▽

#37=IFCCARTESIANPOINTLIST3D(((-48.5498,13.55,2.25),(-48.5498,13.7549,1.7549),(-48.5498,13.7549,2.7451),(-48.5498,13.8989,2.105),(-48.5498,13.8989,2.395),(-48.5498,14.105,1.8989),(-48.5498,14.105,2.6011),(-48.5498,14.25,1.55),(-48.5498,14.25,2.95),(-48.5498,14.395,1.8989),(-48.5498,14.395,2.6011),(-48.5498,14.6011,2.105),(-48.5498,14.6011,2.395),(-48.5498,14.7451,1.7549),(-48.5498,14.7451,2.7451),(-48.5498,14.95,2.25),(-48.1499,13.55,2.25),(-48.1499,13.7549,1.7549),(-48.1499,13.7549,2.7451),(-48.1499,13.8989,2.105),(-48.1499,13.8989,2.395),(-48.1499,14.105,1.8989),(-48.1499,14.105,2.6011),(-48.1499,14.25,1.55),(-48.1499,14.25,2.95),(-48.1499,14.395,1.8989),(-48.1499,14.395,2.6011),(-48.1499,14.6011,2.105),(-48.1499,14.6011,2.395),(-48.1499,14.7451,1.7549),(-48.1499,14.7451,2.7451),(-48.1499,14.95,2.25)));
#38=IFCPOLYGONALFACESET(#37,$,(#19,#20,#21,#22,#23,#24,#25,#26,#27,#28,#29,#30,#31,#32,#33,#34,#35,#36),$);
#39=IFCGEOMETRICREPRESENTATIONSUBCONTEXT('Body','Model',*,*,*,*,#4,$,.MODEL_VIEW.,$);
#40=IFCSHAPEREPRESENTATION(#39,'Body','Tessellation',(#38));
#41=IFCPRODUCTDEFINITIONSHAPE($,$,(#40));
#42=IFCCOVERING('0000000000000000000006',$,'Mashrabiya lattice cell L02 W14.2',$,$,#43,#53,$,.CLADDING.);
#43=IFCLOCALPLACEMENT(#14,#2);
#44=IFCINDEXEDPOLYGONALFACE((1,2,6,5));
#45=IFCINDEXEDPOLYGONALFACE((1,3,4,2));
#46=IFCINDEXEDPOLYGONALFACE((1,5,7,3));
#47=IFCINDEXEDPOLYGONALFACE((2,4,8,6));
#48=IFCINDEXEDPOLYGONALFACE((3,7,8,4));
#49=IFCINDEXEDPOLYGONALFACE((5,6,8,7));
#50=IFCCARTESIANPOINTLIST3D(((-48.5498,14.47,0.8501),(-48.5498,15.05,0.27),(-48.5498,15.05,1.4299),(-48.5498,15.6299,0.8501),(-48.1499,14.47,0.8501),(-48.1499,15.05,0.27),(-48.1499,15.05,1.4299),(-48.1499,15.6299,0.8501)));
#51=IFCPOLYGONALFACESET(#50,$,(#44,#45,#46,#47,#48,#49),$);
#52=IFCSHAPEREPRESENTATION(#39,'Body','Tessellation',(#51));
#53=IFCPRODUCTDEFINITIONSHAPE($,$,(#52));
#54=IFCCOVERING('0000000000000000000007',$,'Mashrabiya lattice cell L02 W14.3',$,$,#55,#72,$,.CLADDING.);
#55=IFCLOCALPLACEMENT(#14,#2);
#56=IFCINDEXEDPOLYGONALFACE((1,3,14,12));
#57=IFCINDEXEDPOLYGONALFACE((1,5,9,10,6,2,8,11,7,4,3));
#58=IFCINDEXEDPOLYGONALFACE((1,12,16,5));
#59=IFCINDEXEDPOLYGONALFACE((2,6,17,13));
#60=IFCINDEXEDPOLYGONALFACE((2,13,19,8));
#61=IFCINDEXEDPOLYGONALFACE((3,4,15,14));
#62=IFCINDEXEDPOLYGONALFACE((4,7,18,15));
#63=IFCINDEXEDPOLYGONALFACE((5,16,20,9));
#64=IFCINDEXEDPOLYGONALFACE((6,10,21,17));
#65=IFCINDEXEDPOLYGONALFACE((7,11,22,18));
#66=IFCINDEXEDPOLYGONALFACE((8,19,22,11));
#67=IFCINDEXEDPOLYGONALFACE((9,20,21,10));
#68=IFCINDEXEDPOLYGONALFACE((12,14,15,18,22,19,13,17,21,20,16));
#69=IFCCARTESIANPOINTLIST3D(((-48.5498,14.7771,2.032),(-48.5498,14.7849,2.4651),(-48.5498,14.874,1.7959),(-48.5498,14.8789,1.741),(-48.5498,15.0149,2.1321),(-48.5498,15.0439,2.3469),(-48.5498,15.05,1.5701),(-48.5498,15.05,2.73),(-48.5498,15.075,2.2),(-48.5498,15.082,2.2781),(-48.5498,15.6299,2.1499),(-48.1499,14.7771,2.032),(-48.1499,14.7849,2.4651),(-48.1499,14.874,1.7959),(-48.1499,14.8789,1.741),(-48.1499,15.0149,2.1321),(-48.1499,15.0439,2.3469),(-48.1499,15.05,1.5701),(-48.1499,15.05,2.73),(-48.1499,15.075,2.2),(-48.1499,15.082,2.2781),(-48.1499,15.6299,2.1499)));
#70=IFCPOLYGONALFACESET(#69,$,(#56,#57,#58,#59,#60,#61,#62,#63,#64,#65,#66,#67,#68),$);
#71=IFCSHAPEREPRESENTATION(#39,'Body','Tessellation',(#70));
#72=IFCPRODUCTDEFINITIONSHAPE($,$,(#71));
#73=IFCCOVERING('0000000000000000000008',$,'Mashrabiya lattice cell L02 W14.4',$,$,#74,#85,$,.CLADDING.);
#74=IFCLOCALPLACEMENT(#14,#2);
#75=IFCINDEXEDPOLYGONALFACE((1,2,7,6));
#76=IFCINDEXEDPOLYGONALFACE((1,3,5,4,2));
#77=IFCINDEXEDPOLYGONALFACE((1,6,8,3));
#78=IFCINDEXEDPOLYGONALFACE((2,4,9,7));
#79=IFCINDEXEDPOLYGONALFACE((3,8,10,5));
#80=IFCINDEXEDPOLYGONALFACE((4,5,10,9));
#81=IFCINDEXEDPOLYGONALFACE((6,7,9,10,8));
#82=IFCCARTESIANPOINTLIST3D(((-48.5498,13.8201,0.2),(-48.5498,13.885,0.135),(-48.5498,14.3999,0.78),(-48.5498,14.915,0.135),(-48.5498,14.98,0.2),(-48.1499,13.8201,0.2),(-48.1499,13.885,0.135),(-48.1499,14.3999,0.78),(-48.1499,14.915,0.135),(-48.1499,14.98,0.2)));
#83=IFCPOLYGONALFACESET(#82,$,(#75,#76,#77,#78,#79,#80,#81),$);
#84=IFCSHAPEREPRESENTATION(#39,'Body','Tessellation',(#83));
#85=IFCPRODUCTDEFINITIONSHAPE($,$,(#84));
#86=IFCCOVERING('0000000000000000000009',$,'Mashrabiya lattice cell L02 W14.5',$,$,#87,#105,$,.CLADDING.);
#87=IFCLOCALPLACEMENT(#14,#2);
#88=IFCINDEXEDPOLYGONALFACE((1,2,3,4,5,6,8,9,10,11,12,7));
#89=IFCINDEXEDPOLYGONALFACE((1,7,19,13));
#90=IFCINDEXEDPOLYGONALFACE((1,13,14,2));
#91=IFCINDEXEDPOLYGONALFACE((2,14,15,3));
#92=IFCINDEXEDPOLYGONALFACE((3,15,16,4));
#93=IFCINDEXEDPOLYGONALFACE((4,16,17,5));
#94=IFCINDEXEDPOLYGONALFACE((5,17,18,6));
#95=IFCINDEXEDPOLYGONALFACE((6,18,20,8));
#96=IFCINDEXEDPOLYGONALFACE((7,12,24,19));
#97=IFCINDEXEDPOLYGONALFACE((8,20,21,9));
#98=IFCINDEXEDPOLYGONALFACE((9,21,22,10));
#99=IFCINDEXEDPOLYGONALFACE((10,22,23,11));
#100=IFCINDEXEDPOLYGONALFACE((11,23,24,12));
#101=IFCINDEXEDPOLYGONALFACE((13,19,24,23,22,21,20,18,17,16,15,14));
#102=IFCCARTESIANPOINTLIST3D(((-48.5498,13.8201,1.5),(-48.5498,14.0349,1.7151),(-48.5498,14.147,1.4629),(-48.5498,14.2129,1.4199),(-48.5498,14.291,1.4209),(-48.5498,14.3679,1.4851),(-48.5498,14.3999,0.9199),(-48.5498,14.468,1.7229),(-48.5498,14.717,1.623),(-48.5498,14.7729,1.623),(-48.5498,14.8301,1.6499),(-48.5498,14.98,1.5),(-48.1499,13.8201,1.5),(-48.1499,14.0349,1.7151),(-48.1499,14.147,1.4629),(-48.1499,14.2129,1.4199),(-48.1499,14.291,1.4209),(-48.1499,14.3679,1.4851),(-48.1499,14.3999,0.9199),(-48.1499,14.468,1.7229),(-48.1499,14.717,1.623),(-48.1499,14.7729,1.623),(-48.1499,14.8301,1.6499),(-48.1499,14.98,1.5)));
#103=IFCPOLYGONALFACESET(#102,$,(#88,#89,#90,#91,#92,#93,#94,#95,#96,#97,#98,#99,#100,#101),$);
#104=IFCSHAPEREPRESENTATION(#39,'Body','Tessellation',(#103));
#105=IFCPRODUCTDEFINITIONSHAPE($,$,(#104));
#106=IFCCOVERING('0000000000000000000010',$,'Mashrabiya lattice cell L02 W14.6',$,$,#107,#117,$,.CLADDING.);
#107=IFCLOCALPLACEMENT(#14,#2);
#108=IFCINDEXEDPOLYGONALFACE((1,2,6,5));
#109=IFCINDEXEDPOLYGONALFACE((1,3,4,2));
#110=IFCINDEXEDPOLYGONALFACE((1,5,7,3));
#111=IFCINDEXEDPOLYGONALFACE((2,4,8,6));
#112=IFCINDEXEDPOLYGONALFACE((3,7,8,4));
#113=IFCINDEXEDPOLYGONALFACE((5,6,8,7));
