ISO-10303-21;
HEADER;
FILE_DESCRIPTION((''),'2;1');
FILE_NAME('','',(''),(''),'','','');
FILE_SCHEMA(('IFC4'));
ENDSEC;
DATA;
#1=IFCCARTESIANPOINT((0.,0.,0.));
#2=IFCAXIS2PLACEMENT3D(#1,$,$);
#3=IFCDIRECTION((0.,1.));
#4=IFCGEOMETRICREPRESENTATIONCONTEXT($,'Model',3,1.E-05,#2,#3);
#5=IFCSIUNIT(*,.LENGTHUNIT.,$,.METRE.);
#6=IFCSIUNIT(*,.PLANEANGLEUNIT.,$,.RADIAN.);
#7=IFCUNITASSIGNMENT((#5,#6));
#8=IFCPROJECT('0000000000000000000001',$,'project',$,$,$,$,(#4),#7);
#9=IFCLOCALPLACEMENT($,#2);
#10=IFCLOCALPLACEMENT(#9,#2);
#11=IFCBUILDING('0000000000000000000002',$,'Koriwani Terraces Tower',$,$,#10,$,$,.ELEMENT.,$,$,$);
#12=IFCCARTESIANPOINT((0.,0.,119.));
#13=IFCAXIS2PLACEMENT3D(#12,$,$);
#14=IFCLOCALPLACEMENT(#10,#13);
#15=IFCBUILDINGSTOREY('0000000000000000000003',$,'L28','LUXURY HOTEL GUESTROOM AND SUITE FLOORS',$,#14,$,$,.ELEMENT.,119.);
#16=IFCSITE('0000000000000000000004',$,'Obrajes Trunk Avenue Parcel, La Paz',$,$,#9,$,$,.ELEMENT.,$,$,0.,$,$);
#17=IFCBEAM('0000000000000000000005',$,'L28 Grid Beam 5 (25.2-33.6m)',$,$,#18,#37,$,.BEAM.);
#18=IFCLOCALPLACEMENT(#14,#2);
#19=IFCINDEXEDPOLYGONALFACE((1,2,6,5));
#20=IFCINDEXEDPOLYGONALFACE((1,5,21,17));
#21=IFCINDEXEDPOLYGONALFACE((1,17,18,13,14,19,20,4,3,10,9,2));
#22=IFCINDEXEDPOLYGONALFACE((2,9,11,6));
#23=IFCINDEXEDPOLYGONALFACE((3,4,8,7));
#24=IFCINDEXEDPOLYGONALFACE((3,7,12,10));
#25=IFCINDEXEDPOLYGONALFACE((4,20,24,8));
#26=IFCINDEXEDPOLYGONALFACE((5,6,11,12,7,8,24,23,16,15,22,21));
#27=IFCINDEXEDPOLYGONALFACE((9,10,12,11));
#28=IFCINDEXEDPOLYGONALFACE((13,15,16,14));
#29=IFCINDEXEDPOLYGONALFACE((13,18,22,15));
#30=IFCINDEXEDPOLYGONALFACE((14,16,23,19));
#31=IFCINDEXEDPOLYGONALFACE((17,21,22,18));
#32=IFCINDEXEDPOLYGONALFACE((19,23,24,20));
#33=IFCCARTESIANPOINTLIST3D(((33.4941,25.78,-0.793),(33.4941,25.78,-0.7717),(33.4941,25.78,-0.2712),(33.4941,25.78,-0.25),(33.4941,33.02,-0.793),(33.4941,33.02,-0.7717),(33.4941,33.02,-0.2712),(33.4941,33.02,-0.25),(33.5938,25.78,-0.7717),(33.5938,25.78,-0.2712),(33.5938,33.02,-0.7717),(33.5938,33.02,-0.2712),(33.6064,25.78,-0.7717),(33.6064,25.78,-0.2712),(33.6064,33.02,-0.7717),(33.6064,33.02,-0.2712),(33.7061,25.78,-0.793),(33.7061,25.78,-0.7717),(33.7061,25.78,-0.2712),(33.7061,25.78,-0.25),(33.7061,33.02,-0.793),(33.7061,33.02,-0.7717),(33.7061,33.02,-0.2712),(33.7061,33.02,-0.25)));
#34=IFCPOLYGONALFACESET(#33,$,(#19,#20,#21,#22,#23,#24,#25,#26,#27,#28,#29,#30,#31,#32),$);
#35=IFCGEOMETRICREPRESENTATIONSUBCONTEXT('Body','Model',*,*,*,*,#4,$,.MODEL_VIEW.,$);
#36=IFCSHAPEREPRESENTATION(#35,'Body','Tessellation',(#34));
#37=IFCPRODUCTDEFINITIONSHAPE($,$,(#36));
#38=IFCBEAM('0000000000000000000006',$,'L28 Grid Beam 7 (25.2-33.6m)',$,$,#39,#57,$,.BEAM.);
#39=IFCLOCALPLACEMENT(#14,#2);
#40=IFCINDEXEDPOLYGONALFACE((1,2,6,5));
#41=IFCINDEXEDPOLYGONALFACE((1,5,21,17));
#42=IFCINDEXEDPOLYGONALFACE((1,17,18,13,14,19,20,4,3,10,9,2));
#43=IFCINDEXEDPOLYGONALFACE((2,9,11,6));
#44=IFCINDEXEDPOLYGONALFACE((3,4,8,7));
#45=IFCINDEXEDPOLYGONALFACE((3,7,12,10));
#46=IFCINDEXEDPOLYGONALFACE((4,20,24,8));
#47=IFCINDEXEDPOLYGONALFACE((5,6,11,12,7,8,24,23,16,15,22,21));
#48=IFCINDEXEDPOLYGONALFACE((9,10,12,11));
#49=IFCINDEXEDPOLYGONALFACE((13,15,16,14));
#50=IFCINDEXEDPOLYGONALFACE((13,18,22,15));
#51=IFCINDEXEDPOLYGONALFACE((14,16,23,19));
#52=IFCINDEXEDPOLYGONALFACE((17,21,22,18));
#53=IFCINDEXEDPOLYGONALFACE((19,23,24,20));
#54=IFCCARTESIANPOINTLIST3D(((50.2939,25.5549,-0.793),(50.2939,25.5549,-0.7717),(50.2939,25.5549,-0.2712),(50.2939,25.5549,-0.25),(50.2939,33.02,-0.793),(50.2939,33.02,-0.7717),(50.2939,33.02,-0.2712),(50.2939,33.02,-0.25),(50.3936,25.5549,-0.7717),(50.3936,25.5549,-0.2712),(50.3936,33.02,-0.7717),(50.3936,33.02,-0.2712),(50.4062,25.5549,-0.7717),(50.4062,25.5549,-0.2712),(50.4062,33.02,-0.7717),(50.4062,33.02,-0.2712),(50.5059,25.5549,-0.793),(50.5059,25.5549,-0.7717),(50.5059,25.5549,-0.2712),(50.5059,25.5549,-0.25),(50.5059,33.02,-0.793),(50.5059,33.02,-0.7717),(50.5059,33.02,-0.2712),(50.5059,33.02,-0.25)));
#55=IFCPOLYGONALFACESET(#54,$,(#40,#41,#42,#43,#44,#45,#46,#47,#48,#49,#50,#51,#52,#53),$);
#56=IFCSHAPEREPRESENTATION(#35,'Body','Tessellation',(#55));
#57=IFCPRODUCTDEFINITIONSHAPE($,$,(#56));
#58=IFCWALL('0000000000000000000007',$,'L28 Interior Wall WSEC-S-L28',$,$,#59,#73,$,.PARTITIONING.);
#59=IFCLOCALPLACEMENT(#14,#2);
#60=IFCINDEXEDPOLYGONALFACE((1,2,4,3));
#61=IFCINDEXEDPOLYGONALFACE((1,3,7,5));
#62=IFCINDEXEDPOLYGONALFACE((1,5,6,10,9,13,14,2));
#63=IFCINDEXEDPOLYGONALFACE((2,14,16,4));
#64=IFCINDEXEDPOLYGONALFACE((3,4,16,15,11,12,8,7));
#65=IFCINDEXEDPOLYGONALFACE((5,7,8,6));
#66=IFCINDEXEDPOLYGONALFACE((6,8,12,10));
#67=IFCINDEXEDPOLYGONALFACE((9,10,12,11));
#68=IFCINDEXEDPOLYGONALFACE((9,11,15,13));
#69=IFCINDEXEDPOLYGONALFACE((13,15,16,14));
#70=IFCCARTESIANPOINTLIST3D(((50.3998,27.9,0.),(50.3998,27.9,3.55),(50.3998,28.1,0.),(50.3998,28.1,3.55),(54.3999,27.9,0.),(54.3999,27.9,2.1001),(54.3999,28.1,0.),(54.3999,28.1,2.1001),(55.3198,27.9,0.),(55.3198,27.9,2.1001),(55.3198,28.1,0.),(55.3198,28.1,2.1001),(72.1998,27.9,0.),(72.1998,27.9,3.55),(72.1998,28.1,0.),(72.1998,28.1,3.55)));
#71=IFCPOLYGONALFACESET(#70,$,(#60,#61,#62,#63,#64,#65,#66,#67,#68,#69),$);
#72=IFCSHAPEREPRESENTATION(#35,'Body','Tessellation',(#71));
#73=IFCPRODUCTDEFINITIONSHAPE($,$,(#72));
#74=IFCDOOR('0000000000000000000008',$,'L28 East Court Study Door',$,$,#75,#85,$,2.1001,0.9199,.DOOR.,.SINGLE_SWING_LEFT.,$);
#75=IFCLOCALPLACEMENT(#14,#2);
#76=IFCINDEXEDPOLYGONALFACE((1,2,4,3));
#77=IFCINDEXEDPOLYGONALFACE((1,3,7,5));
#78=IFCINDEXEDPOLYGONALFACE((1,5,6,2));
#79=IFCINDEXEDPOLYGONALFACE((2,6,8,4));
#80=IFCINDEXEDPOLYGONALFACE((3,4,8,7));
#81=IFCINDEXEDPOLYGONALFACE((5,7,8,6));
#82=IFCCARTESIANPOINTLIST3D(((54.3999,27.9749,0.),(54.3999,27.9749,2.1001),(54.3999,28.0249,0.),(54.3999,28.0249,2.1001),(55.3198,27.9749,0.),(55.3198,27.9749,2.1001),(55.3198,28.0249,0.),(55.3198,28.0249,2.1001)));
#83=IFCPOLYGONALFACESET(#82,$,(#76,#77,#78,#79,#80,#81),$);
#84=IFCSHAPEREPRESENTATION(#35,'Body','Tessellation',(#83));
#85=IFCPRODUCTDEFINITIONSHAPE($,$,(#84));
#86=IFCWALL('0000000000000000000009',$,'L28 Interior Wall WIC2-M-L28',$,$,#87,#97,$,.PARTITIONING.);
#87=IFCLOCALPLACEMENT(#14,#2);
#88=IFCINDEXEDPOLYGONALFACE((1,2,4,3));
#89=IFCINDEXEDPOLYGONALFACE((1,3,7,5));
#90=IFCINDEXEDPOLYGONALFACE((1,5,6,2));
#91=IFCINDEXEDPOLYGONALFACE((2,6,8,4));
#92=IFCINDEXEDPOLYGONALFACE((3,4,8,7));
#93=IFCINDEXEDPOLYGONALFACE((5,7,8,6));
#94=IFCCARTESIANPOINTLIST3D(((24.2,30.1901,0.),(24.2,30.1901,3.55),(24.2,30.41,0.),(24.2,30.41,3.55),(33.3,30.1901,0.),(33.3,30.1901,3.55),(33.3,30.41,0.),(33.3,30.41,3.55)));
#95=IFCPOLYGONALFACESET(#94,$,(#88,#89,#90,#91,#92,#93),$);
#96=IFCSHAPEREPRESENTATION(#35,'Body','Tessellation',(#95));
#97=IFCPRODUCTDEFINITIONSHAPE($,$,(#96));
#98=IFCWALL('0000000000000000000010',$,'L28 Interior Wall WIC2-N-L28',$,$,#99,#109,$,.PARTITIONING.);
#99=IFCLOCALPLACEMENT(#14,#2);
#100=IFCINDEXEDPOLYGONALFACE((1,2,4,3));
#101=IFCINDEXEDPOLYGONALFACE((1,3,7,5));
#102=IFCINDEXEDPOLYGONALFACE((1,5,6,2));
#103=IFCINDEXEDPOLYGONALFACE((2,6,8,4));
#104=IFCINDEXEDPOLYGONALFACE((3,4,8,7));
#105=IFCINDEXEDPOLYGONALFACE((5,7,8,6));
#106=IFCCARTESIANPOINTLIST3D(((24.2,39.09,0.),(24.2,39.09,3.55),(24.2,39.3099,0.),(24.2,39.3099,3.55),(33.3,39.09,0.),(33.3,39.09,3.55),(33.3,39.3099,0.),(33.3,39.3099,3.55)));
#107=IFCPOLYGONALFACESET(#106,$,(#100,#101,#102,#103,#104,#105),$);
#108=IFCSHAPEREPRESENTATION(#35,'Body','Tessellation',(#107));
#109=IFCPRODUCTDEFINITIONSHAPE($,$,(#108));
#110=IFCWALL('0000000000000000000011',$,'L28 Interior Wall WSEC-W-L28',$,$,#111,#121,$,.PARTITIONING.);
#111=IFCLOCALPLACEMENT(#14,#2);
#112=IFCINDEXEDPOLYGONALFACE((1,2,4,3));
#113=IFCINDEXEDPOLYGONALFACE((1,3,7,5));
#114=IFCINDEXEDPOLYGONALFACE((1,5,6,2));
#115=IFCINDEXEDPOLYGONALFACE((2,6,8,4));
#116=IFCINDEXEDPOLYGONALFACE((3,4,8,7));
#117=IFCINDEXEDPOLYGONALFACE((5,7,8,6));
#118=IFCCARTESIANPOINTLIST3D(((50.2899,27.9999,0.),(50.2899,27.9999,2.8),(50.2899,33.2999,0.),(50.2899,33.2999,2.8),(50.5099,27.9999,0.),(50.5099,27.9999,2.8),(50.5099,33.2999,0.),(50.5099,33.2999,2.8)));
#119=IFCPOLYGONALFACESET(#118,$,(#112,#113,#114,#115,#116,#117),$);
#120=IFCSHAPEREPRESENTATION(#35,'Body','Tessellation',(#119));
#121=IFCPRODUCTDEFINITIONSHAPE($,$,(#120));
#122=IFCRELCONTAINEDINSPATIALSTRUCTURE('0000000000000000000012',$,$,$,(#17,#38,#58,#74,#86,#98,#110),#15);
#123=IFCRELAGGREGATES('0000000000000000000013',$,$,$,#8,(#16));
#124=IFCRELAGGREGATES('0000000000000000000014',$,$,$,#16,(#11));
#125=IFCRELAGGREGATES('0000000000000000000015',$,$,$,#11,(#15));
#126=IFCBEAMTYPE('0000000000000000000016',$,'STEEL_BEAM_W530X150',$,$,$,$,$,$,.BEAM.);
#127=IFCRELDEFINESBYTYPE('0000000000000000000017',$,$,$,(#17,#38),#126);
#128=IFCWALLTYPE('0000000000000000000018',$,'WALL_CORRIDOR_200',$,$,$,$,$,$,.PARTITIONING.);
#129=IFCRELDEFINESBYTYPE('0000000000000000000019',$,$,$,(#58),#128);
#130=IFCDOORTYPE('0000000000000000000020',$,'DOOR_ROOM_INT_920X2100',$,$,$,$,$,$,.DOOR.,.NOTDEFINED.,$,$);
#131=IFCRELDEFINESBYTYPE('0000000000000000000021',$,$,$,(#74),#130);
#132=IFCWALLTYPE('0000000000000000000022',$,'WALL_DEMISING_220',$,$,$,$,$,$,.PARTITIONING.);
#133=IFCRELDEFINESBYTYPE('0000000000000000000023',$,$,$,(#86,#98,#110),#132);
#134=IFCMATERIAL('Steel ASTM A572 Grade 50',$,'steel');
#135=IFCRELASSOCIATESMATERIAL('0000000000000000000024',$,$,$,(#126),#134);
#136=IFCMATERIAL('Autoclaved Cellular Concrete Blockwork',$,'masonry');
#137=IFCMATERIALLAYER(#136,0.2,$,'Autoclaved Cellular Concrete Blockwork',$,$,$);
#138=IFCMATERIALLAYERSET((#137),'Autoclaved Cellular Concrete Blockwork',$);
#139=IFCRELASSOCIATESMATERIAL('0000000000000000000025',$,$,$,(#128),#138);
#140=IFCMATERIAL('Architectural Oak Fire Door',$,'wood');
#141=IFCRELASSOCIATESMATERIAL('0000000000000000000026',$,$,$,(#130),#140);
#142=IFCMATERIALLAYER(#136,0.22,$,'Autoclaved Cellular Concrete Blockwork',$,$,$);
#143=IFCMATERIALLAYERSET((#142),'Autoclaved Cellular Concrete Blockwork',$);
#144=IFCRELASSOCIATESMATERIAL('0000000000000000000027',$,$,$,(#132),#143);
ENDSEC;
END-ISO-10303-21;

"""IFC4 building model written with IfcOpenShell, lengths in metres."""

from ifc_helpers import new_model, si_unit, direction, frame, frame_2d, origin, origin_2d, place, context, subcontext, project, spatial, rectangle, i_section, extrude, material, layer, layer_set, material_profile, profile_set, type_object, element, fill, save


model = new_model("IFC4")

# Units and contexts
model_context = context("Model", 3, precision=1e-05, world=origin(), true_north=direction((0.0, 1.0)))
body_context = subcontext(model_context, "Body", "Model", "MODEL_VIEW")
ifc_project = project(units=[si_unit("LENGTHUNIT", "METRE"), si_unit("PLANEANGLEUNIT", "RADIAN")], contexts=[model_context])

# Site, building, storey
site_placement = place(None, origin())
site = spatial("IfcSite", under=ifc_project, at=site_placement, Name="Obrajes Trunk Avenue Parcel, La Paz", CompositionType="ELEMENT", RefElevation=0.0)
building_placement = place(site_placement, origin())
building = spatial("IfcBuilding", under=site, at=building_placement, Name="Koriwani Terraces Tower", CompositionType="ELEMENT")
storey_placement = place(building_placement, frame((0.0, 0.0, 119.0)))
storey = spatial("IfcBuildingStorey", under=building, at=storey_placement, Name="L28", Description="LUXURY HOTEL GUESTROOM AND SUITE FLOORS", CompositionType="ELEMENT", Elevation=119.0)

△

**Your instructions**
Search the data above for the word "IFCRELDEFINESBYTYPE". Copy each line it is in.

**Expected answer**
#127=IFCRELDEFINESBYTYPE('0000000000000000000017',$,$,$,(#17,#38),#126);
#129=IFCRELDEFINESBYTYPE('0000000000000000000019',$,$,$,(#58),#128);
#131=IFCRELDEFINESBYTYPE('0000000000000000000021',$,$,$,(#74),#130);
#133=IFCRELDEFINESBYTYPE('0000000000000000000023',$,$,$,(#86,#98,#110),#132);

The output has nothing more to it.